*** Data to process Section Begins ***

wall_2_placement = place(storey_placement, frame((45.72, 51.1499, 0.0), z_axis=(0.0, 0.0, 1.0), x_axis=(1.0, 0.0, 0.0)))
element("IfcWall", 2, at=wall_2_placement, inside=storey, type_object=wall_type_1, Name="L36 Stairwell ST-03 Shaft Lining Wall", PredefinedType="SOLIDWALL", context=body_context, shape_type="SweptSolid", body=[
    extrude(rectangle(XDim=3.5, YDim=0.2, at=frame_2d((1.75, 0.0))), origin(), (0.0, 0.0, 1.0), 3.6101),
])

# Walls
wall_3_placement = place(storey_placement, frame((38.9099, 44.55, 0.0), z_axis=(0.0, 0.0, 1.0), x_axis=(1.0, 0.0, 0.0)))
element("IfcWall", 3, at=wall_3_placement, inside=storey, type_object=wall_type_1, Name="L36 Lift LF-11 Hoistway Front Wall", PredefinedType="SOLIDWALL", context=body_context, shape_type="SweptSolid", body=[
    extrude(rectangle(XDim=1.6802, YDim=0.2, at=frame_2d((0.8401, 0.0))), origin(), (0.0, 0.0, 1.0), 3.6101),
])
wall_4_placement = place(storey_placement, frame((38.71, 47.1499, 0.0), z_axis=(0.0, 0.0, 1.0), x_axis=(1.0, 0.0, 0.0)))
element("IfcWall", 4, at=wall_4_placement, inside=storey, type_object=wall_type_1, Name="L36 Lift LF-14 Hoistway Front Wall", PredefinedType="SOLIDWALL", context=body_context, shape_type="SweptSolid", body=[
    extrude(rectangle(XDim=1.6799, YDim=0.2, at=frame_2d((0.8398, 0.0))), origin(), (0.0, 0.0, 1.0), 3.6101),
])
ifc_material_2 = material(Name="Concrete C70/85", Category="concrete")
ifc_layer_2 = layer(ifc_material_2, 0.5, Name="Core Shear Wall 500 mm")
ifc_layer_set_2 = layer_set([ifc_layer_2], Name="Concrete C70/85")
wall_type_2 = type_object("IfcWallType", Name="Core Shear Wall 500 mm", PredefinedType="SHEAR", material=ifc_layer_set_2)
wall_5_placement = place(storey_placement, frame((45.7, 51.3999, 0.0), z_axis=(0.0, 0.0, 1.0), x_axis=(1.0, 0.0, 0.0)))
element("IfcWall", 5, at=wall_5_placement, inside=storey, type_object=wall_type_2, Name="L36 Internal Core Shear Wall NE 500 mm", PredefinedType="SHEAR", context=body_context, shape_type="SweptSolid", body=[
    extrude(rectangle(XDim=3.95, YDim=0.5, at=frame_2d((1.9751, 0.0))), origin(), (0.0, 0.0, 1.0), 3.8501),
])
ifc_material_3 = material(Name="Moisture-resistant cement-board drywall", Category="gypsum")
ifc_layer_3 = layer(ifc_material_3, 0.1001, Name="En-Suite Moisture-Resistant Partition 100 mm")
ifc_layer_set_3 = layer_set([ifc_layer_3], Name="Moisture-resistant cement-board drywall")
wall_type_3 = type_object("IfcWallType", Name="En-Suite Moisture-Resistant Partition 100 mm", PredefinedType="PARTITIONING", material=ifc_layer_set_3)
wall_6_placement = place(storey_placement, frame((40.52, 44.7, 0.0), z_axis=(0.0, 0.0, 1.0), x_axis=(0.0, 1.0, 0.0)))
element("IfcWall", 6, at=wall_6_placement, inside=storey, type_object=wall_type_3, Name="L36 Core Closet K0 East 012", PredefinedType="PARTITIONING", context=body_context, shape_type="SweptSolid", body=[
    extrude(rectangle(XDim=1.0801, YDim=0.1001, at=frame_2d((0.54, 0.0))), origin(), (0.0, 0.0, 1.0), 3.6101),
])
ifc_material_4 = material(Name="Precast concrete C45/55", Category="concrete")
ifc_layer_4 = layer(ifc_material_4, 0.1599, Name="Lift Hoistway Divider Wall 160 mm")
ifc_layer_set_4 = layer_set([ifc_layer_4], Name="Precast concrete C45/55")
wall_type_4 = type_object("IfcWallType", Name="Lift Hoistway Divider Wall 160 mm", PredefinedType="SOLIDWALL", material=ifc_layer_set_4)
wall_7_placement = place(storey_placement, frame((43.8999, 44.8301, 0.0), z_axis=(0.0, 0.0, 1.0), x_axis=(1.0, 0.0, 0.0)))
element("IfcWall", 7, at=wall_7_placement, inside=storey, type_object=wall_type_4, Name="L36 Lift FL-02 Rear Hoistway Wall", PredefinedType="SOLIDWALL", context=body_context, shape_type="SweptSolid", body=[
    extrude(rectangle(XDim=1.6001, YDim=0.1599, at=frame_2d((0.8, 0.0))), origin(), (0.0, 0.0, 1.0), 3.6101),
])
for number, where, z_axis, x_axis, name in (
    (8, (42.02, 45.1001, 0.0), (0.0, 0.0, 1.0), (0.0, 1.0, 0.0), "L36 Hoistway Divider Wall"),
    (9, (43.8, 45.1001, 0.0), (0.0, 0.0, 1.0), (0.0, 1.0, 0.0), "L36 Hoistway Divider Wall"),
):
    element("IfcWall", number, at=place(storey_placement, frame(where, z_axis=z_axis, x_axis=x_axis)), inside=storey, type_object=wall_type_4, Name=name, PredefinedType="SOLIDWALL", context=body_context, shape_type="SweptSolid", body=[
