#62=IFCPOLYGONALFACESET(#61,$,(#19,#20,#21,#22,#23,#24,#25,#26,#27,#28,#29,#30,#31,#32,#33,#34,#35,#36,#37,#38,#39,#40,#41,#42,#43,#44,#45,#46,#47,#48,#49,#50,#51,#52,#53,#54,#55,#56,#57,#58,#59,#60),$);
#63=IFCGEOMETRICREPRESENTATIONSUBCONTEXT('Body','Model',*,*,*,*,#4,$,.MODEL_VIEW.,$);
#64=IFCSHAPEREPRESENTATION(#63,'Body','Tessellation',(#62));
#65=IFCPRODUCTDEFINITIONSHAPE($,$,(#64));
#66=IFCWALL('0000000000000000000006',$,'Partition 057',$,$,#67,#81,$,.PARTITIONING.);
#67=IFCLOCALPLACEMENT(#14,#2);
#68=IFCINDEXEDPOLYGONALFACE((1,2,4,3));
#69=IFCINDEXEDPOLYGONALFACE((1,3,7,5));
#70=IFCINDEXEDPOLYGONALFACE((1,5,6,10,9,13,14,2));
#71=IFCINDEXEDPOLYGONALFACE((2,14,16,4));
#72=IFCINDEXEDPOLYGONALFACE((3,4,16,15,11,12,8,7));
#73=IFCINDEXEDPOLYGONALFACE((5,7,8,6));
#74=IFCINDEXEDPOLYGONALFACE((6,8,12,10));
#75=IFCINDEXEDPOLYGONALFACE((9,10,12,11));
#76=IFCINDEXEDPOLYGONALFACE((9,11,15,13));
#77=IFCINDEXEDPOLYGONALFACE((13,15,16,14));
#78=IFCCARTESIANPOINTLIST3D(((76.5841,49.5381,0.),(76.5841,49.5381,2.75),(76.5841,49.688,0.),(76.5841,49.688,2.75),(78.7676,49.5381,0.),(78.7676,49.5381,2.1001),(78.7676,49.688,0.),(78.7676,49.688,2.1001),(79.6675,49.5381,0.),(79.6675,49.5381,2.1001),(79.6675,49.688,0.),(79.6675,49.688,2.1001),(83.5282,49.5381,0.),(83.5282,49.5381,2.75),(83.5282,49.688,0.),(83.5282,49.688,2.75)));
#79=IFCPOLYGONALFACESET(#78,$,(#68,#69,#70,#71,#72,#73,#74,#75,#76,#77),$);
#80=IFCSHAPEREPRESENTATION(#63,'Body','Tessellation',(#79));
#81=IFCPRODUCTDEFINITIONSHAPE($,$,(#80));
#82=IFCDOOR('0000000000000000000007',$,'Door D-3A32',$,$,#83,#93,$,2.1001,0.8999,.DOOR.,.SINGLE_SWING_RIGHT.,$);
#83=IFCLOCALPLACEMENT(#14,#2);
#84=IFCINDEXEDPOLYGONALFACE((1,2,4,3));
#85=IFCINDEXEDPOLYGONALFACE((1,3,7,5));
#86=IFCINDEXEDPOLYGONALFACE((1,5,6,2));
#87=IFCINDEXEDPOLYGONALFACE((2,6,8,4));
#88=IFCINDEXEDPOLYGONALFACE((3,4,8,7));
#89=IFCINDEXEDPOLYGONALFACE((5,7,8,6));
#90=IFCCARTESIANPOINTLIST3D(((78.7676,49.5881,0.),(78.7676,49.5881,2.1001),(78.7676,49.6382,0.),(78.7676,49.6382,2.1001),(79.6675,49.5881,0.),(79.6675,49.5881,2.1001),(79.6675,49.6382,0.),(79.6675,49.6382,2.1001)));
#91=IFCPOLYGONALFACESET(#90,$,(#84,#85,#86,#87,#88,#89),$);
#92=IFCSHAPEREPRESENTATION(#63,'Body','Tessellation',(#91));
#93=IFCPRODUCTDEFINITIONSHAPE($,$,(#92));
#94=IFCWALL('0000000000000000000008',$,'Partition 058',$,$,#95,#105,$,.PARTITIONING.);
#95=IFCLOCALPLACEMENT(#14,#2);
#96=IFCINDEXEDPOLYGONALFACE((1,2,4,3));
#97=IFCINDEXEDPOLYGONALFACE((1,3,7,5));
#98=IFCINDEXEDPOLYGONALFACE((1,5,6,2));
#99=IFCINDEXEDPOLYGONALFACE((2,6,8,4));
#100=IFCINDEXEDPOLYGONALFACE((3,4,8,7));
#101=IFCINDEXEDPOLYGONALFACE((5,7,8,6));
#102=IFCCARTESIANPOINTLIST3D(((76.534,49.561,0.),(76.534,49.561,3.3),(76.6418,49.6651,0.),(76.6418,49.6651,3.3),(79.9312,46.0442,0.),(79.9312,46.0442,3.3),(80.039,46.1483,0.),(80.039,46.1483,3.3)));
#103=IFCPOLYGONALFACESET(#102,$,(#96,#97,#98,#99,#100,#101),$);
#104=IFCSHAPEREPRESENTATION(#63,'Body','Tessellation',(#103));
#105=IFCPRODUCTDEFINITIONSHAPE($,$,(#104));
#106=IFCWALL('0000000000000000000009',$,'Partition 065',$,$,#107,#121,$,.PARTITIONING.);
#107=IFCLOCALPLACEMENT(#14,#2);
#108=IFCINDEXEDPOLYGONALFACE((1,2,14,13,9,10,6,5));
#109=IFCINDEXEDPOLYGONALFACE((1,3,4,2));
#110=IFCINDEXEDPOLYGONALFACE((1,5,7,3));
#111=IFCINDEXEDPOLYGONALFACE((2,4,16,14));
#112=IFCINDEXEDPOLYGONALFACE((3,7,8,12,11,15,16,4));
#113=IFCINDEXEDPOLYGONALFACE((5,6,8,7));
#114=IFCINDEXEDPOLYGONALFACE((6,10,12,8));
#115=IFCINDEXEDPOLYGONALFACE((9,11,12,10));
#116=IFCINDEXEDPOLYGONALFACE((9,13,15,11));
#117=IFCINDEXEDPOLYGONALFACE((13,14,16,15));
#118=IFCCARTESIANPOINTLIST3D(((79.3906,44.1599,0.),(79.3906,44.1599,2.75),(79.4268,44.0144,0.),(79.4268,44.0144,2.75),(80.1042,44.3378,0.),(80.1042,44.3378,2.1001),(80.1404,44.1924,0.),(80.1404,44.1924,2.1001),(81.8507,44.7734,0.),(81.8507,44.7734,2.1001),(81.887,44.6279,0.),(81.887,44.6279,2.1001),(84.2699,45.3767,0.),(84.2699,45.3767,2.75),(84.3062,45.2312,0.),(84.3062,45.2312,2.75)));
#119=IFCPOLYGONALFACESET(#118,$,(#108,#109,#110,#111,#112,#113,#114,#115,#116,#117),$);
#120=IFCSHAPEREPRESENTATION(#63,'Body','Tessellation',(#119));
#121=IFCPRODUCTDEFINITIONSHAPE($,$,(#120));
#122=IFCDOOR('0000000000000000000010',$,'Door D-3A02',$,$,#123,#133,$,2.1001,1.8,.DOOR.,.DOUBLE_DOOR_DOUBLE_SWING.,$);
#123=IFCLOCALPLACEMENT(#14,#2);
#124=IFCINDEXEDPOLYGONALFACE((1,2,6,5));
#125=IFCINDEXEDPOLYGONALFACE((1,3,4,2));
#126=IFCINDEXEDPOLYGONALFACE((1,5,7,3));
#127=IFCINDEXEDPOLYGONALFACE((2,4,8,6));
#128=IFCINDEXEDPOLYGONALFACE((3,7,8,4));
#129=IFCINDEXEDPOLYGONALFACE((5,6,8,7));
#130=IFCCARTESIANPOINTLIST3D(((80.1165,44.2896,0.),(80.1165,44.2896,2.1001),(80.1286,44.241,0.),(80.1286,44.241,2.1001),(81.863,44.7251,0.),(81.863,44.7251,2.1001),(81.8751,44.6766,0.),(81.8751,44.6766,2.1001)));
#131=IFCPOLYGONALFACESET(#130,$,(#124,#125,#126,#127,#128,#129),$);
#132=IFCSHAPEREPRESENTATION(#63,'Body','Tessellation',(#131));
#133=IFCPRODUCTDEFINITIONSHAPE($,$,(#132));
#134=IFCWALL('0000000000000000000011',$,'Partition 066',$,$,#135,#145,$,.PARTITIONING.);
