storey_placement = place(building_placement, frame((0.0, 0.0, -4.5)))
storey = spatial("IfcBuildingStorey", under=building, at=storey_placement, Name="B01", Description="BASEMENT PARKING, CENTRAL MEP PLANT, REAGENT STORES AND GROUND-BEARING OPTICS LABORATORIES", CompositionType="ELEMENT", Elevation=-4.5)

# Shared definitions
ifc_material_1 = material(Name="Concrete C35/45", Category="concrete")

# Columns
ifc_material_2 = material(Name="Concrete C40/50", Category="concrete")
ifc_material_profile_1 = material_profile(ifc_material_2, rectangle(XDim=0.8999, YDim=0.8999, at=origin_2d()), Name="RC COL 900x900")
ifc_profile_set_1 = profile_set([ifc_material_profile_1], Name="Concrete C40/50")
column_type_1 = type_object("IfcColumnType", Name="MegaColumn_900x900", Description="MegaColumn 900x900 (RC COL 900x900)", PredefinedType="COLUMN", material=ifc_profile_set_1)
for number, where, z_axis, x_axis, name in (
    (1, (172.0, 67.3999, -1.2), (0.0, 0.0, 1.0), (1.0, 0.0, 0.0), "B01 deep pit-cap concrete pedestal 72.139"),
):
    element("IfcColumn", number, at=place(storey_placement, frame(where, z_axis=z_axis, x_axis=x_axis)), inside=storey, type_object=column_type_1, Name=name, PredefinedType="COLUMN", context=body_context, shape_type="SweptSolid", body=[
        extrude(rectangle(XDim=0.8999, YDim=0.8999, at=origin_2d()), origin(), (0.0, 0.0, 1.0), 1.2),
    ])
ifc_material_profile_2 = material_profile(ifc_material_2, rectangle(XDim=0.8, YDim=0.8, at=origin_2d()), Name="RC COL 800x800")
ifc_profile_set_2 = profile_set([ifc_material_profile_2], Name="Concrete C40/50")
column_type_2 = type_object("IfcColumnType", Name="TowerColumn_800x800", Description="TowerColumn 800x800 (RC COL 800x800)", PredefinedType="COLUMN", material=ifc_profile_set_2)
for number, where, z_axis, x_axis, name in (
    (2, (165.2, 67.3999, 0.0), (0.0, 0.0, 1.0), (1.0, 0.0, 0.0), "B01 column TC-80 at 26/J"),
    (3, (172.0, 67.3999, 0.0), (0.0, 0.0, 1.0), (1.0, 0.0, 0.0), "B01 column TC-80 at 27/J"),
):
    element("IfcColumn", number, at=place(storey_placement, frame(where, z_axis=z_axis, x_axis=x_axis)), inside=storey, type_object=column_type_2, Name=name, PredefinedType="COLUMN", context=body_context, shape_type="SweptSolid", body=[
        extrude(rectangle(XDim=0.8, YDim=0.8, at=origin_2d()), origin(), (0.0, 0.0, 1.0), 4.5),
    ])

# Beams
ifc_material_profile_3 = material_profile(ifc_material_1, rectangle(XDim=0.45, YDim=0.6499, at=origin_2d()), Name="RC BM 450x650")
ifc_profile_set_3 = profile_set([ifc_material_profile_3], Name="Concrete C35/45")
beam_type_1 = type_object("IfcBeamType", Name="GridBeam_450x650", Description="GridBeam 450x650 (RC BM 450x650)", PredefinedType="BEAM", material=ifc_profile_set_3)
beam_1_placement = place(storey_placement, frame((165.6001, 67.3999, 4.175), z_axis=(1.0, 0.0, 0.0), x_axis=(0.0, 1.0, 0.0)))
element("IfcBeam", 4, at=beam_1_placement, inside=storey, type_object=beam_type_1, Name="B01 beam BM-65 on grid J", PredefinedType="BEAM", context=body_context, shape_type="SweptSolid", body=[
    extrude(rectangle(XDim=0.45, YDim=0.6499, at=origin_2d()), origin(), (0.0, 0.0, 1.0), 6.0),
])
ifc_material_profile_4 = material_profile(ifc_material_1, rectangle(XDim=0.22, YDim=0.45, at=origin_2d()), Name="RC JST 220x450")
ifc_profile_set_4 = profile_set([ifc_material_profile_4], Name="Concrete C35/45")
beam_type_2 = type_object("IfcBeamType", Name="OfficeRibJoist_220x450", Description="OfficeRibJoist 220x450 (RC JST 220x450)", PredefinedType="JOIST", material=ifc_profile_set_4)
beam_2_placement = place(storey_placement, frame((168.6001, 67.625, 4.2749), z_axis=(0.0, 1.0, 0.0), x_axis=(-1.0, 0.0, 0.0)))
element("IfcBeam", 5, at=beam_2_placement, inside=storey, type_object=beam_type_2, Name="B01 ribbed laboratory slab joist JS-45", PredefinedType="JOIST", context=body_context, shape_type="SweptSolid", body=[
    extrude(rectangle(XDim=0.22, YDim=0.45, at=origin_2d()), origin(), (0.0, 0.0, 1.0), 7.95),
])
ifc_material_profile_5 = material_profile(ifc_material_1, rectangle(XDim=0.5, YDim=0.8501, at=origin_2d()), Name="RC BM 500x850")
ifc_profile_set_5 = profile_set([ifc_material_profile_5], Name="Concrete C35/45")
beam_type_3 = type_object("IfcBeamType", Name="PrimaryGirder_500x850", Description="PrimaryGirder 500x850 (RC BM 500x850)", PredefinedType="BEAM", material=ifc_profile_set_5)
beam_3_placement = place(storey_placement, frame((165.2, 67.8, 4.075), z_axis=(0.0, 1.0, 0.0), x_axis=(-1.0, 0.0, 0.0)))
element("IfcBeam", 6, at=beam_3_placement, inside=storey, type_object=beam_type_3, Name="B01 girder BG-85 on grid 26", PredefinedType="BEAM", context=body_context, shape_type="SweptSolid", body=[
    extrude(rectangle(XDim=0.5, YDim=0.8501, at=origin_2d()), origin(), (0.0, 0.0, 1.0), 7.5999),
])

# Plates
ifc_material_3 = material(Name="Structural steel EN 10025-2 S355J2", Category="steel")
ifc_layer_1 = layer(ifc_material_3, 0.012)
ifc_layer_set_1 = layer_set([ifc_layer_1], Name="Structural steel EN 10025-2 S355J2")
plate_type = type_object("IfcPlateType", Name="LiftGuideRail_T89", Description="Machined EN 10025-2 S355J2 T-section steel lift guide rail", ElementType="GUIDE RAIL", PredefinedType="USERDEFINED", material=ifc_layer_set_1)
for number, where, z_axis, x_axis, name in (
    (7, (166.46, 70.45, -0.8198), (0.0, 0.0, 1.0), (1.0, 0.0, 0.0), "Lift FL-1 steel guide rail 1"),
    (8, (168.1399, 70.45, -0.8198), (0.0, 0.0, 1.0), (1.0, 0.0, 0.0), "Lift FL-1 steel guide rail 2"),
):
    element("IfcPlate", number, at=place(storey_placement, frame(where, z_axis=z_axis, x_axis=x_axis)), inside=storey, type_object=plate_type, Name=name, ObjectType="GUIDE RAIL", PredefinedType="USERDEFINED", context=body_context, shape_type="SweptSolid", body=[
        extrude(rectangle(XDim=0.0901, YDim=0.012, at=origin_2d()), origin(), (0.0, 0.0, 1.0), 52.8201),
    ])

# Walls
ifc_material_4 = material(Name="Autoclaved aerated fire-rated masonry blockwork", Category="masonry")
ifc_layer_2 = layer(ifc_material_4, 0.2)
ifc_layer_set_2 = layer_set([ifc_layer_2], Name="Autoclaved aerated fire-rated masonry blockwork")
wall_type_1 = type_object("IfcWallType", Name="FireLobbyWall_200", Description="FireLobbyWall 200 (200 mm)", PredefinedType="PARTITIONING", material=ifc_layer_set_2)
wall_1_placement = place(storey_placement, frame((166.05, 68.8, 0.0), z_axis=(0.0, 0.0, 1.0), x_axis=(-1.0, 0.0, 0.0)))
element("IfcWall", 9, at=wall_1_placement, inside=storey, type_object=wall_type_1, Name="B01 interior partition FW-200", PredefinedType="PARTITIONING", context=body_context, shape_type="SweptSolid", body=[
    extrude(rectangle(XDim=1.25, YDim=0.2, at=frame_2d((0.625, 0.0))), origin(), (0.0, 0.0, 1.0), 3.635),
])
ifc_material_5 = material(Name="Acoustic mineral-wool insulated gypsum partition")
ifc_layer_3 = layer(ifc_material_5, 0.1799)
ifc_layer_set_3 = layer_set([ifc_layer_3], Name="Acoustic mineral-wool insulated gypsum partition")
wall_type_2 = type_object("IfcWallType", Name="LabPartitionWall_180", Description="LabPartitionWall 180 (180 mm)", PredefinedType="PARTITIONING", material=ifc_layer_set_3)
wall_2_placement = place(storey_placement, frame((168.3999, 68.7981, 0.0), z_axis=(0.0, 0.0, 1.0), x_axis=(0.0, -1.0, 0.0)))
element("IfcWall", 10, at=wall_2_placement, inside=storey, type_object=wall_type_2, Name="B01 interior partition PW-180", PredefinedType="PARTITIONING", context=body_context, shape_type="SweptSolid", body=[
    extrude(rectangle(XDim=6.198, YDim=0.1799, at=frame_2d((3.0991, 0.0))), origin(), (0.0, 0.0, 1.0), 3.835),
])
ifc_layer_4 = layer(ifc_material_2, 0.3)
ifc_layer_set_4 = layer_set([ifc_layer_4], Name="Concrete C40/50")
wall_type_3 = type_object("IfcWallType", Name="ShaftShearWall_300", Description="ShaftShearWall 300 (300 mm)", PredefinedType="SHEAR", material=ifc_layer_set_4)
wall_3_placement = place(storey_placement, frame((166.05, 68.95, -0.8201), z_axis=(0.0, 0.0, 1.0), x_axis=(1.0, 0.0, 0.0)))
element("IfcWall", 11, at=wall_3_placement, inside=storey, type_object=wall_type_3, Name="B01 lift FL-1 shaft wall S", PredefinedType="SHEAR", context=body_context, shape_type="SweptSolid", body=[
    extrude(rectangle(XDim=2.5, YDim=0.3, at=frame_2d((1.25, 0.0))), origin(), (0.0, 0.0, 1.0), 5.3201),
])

*** Data to process Section Ends ***

▸ Problem description:
Report how many lines in this data include the string "Acoustic", and nothing else.

▸ Solved exercise:
2